## What the task asks
Print every line of the listing below, starting with the line that holds "#9=IFCLOCALPLACEMENT($,#2);" and going on through the line that holds "Financial District, Riyadh',$,$,#9,$,$,.ELEMENT.,$,$,0.,$,$);", both included, and print nothing else.

## Supplied information
::::::::

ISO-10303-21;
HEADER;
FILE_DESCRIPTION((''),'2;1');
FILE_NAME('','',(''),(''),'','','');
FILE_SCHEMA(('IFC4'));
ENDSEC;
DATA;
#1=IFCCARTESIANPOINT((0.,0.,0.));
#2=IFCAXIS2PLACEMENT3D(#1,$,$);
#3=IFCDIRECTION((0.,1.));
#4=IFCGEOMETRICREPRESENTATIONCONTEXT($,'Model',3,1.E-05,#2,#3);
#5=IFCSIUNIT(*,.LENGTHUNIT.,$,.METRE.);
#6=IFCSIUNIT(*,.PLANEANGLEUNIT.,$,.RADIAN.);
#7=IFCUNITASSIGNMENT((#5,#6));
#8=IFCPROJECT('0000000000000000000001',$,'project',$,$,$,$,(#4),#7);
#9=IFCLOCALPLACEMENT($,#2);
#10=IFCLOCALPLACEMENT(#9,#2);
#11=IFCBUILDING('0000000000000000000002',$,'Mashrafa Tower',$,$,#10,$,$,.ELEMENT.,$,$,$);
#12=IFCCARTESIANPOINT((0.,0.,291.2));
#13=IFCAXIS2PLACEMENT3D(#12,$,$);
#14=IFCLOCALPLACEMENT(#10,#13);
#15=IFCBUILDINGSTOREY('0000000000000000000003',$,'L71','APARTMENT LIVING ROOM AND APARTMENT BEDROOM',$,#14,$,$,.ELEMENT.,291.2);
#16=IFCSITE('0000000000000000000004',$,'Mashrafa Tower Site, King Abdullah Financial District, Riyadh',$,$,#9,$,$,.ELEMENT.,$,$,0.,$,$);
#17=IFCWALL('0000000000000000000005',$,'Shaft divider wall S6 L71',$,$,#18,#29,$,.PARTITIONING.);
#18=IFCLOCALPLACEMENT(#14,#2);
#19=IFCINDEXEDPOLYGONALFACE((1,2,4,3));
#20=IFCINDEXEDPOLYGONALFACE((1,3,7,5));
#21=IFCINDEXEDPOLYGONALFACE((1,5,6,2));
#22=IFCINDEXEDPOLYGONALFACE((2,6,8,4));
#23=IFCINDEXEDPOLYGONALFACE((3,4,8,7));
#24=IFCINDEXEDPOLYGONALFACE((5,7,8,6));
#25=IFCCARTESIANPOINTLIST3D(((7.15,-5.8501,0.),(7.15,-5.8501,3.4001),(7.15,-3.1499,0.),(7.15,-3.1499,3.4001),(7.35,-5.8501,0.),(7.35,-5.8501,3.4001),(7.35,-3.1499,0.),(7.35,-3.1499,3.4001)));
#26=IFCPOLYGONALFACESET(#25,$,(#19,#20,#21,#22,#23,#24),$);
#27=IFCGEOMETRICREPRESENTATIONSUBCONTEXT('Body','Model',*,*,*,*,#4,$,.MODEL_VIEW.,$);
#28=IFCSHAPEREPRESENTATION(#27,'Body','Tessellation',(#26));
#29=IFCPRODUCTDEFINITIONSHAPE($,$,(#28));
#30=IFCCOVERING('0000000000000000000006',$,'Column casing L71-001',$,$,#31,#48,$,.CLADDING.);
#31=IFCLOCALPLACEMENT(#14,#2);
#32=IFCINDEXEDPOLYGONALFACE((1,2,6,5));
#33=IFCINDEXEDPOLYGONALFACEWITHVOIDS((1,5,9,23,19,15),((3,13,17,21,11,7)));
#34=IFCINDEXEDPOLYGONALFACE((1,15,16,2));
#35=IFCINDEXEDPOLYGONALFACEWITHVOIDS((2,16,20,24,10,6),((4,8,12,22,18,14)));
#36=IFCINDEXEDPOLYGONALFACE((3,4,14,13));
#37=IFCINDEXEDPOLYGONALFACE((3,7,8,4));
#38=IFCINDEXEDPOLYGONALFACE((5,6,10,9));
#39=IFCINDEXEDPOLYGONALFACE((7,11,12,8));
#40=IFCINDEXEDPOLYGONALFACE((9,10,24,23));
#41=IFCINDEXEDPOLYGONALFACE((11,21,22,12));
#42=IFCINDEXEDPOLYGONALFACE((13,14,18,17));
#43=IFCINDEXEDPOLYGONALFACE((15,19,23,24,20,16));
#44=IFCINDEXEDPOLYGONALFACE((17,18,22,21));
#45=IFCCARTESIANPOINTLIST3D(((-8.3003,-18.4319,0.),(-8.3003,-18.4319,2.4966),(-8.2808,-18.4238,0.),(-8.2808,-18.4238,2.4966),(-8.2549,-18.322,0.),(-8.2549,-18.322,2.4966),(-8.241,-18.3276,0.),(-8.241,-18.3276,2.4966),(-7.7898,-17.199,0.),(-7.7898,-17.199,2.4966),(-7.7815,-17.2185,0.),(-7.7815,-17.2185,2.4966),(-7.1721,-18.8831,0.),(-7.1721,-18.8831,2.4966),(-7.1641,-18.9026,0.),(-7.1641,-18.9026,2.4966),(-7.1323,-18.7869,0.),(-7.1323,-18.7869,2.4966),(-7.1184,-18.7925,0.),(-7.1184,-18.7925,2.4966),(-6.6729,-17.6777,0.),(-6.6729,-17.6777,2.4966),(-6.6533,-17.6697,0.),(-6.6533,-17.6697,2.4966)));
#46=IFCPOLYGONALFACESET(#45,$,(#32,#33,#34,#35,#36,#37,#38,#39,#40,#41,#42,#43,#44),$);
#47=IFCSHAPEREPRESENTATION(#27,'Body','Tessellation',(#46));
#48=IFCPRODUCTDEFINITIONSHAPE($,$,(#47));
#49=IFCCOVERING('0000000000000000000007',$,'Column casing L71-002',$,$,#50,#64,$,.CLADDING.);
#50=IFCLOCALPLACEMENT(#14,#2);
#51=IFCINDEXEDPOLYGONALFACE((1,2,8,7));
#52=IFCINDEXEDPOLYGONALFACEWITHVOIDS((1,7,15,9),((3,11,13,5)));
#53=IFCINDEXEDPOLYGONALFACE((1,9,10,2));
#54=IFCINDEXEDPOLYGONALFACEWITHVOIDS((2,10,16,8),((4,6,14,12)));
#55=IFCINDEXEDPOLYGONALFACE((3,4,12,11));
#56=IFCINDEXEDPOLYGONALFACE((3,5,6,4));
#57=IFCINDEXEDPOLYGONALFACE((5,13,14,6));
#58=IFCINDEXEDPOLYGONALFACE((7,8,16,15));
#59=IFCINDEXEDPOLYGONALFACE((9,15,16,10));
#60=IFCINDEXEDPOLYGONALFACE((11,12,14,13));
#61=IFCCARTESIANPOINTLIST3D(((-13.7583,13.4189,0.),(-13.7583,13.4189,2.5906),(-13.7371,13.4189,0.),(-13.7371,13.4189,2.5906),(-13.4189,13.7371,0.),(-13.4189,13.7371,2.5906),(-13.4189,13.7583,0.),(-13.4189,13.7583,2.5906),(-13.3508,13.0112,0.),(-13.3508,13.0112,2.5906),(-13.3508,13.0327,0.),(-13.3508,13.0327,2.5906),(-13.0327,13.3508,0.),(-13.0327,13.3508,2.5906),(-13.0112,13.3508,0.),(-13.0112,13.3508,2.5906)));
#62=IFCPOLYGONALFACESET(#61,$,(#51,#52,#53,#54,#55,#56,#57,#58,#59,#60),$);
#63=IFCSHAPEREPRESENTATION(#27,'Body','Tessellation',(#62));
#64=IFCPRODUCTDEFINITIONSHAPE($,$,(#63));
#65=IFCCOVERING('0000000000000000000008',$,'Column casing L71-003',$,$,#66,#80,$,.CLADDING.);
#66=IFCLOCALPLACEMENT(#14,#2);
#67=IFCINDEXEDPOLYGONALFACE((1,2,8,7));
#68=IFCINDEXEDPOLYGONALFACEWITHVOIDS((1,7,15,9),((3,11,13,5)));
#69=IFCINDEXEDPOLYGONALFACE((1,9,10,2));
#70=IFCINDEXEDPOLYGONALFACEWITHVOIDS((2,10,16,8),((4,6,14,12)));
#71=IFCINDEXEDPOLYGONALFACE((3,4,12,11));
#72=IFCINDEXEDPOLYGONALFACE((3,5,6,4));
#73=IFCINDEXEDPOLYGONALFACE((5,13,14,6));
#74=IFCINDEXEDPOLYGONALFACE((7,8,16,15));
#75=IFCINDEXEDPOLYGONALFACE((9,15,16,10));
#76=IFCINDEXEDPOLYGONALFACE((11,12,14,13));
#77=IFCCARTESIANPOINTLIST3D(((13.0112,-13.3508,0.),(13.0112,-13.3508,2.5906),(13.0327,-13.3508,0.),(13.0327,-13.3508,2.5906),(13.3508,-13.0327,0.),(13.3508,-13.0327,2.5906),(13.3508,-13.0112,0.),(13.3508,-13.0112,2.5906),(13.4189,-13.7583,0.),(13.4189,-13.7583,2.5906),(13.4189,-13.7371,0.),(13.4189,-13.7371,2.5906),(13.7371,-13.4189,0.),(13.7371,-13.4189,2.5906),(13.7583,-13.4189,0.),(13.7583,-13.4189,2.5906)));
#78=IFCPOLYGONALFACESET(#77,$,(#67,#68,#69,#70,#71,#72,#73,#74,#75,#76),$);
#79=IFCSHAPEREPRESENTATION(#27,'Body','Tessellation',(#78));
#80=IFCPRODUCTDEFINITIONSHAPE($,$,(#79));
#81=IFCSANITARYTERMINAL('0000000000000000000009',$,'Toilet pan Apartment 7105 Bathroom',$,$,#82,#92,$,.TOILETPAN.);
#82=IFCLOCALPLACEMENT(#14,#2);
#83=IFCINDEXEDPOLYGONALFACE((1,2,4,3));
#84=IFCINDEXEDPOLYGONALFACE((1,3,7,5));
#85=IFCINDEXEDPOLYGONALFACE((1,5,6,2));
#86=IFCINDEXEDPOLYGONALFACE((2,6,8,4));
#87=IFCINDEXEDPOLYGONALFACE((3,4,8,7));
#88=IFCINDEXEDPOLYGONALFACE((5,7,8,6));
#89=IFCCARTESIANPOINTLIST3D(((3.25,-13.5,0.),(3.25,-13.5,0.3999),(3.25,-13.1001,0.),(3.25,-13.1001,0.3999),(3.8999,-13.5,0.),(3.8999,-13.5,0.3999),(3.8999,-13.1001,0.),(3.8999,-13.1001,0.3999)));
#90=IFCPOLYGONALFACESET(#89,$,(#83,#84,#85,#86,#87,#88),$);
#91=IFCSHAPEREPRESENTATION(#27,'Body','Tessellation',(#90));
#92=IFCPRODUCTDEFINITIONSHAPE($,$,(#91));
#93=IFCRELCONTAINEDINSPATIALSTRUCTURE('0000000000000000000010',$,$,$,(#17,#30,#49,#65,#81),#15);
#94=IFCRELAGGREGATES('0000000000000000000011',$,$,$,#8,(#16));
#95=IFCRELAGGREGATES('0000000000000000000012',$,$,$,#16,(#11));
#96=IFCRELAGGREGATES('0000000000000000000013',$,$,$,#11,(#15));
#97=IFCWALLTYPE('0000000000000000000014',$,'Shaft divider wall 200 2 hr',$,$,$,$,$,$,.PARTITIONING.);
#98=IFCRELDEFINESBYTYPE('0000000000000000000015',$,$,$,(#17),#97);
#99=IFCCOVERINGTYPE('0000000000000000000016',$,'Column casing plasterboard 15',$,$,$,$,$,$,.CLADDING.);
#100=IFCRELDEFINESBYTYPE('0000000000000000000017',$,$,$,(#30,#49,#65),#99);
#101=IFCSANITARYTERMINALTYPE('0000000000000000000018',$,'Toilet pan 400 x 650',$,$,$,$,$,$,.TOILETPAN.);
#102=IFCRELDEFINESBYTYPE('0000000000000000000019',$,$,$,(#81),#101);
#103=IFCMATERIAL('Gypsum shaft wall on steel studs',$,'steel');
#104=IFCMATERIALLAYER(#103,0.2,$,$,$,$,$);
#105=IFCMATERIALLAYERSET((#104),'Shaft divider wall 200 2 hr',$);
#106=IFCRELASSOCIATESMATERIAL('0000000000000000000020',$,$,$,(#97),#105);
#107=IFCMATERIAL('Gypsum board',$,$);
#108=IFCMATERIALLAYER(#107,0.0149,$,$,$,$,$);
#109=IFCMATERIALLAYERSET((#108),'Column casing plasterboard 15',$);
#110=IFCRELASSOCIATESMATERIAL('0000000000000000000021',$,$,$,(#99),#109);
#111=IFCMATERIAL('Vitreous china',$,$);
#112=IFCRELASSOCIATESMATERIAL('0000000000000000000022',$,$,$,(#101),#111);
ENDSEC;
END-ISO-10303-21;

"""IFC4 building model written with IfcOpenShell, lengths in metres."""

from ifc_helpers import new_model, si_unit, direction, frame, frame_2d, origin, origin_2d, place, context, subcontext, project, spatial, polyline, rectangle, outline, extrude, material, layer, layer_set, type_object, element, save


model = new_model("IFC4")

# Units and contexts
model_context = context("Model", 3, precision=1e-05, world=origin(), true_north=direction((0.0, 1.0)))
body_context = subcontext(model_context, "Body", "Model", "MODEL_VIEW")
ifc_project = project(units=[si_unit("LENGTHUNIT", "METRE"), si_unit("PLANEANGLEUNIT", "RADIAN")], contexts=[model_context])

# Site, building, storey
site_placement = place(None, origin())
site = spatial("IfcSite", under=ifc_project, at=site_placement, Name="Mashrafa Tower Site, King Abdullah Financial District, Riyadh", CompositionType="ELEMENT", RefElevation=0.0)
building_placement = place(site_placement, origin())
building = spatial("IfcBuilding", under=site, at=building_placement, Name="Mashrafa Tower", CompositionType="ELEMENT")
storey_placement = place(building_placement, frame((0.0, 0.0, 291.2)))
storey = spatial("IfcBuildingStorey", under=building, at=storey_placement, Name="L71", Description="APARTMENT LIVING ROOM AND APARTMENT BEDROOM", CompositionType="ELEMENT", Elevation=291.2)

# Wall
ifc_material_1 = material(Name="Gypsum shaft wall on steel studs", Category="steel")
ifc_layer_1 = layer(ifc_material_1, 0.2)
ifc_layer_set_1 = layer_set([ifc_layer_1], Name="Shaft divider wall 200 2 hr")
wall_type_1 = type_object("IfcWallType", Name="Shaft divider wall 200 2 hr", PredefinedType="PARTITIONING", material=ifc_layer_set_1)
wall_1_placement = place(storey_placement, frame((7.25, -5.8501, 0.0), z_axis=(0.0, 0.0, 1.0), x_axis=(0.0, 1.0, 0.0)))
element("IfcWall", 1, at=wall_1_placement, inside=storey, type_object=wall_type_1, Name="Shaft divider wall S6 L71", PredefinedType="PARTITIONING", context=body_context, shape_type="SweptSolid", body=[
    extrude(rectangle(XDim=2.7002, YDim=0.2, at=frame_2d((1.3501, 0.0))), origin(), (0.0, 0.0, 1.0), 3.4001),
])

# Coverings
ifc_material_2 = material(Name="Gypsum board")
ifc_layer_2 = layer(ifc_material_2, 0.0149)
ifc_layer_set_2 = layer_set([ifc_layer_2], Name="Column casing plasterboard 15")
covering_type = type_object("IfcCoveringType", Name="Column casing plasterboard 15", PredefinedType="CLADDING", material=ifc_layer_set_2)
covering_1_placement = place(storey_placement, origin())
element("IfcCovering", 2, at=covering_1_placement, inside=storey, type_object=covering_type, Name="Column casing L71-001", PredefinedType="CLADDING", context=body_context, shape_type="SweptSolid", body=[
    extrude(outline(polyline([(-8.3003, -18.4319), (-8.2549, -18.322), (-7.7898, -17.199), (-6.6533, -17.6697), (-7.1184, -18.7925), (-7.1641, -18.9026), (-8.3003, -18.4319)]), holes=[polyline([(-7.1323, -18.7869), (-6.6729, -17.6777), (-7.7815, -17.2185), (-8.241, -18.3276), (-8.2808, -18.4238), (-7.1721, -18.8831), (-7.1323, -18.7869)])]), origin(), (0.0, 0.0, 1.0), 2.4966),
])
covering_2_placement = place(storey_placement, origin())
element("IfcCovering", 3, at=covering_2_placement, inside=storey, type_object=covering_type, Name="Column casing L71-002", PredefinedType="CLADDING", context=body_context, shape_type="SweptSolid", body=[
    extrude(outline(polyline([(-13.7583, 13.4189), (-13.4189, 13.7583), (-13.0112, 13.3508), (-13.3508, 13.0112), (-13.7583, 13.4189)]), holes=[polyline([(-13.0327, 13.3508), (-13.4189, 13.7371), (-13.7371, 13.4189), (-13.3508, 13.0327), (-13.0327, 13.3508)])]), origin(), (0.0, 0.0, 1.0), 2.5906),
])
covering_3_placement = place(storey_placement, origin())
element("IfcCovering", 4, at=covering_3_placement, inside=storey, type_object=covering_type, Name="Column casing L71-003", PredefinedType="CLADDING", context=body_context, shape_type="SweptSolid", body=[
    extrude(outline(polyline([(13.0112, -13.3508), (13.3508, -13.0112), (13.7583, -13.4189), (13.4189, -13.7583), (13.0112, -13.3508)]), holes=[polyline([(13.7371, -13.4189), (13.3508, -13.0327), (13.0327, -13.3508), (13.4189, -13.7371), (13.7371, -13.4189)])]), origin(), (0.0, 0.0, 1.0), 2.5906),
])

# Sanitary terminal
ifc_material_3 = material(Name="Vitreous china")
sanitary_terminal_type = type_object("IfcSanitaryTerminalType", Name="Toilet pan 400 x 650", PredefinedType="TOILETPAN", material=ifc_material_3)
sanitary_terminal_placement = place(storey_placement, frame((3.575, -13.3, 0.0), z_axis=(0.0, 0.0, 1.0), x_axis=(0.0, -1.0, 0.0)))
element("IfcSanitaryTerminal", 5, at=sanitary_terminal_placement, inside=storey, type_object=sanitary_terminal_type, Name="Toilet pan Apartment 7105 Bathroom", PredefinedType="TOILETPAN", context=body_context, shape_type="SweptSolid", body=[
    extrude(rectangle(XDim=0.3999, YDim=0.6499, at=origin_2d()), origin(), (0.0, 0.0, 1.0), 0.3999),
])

::::::::

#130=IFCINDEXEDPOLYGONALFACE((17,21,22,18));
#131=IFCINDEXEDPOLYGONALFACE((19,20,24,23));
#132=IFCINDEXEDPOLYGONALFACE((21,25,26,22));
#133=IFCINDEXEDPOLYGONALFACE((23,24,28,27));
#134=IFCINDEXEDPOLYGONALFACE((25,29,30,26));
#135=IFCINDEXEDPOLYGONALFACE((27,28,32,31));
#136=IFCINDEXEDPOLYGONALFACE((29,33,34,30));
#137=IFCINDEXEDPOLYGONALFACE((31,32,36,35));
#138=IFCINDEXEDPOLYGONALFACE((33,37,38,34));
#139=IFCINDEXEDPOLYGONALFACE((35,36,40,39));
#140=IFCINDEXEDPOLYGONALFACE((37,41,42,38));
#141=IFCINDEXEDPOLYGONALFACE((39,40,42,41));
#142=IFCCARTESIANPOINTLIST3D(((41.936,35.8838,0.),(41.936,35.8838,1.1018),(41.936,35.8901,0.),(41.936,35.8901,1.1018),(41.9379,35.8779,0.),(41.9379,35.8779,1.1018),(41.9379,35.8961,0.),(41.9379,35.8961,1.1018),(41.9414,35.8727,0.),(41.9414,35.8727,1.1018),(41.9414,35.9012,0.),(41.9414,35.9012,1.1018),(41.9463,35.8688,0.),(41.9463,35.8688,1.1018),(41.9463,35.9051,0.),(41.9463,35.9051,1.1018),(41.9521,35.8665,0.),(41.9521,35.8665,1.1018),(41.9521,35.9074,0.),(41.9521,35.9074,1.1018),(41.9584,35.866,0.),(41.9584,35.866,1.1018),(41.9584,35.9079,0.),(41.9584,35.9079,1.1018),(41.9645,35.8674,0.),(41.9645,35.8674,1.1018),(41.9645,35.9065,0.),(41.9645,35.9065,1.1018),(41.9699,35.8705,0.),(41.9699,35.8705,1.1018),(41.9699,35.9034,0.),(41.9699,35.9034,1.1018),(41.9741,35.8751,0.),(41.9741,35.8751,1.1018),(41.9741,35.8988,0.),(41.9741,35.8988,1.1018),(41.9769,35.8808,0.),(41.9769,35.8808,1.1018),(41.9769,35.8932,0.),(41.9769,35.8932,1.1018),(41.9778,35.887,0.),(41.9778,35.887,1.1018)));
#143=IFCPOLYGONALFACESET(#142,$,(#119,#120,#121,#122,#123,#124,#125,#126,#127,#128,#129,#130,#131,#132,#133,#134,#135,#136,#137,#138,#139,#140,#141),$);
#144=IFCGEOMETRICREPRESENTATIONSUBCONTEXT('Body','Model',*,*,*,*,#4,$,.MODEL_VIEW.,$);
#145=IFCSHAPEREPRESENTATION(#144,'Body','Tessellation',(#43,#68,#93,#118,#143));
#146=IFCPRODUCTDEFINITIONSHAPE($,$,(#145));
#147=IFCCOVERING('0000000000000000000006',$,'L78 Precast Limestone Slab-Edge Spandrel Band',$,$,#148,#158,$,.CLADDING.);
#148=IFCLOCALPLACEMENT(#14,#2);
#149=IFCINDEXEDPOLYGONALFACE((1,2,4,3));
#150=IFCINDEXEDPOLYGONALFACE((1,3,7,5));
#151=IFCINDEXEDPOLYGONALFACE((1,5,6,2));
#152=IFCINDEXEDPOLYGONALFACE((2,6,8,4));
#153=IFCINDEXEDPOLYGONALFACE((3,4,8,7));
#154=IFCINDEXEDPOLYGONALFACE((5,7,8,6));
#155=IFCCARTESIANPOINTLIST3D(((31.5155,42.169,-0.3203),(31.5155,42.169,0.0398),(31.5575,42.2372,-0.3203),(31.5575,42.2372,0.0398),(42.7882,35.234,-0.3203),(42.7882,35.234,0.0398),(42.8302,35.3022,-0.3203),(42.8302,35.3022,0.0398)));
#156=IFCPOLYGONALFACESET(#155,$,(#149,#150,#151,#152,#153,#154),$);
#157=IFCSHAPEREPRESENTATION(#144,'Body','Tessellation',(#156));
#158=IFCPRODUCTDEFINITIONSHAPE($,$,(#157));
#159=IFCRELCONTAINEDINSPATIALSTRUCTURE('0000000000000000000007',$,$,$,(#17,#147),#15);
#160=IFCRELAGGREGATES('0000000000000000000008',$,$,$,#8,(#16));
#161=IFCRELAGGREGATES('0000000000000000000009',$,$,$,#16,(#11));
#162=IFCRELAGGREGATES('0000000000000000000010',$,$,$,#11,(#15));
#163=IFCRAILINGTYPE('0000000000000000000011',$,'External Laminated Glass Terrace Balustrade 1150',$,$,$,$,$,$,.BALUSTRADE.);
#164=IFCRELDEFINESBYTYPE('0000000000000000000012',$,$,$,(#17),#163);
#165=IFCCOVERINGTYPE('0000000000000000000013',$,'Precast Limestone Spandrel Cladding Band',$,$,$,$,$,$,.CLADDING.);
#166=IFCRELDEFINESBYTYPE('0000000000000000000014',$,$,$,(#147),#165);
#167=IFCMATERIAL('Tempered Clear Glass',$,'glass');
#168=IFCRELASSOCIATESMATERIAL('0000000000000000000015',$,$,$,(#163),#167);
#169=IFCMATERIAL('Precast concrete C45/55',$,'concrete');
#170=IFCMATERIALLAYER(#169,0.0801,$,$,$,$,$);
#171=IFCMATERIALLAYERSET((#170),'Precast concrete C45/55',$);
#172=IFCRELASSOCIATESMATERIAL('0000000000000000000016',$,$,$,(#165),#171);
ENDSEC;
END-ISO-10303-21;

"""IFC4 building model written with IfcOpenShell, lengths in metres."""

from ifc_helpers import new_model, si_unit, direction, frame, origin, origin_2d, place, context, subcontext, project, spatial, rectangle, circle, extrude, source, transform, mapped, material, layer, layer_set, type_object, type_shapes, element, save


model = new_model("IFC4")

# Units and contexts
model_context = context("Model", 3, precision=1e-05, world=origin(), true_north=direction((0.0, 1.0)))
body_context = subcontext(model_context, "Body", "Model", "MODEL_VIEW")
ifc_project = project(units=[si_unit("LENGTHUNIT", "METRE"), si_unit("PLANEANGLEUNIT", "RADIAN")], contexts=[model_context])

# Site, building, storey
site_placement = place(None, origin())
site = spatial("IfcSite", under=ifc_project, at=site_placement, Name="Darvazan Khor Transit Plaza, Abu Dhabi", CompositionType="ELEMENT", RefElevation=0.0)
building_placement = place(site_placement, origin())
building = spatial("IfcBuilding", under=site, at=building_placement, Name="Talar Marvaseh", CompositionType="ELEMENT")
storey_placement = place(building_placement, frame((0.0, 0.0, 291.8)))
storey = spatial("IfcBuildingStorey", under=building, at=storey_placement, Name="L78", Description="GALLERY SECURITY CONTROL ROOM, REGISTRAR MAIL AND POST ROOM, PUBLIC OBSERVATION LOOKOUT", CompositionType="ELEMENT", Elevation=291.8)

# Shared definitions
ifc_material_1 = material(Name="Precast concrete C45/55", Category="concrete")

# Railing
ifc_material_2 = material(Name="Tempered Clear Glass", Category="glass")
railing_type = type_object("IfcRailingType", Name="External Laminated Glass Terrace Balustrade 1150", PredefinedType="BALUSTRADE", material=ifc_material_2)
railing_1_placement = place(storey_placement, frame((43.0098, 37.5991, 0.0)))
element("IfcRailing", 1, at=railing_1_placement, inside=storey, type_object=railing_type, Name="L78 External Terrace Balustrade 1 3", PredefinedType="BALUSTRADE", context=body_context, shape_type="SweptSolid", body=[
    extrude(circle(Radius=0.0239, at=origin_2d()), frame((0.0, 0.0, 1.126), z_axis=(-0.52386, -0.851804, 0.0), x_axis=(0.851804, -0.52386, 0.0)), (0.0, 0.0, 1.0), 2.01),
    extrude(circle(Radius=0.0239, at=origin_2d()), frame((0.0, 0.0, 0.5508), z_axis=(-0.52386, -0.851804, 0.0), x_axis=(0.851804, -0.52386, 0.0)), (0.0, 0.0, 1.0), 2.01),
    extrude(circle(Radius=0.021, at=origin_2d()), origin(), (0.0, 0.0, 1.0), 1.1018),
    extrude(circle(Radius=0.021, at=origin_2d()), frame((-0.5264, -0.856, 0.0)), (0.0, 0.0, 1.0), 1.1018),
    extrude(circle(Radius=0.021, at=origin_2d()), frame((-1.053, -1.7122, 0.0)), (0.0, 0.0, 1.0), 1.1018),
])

::::::::

## Task result
#9=IFCLOCALPLACEMENT($,#2);
#10=IFCLOCALPLACEMENT(#9,#2);
#11=IFCBUILDING('0000000000000000000002',$,'Mashrafa Tower',$,$,#10,$,$,.ELEMENT.,$,$,$);
#12=IFCCARTESIANPOINT((0.,0.,291.2));
#13=IFCAXIS2PLACEMENT3D(#12,$,$);
#14=IFCLOCALPLACEMENT(#10,#13);
#15=IFCBUILDINGSTOREY('0000000000000000000003',$,'L71','APARTMENT LIVING ROOM AND APARTMENT BEDROOM',$,#14,$,$,.ELEMENT.,291.2);
#16=IFCSITE('0000000000000000000004',$,'Mashrafa Tower Site, King Abdullah Financial District, Riyadh',$,$,#9,$,$,.ELEMENT.,$,$,0.,$,$);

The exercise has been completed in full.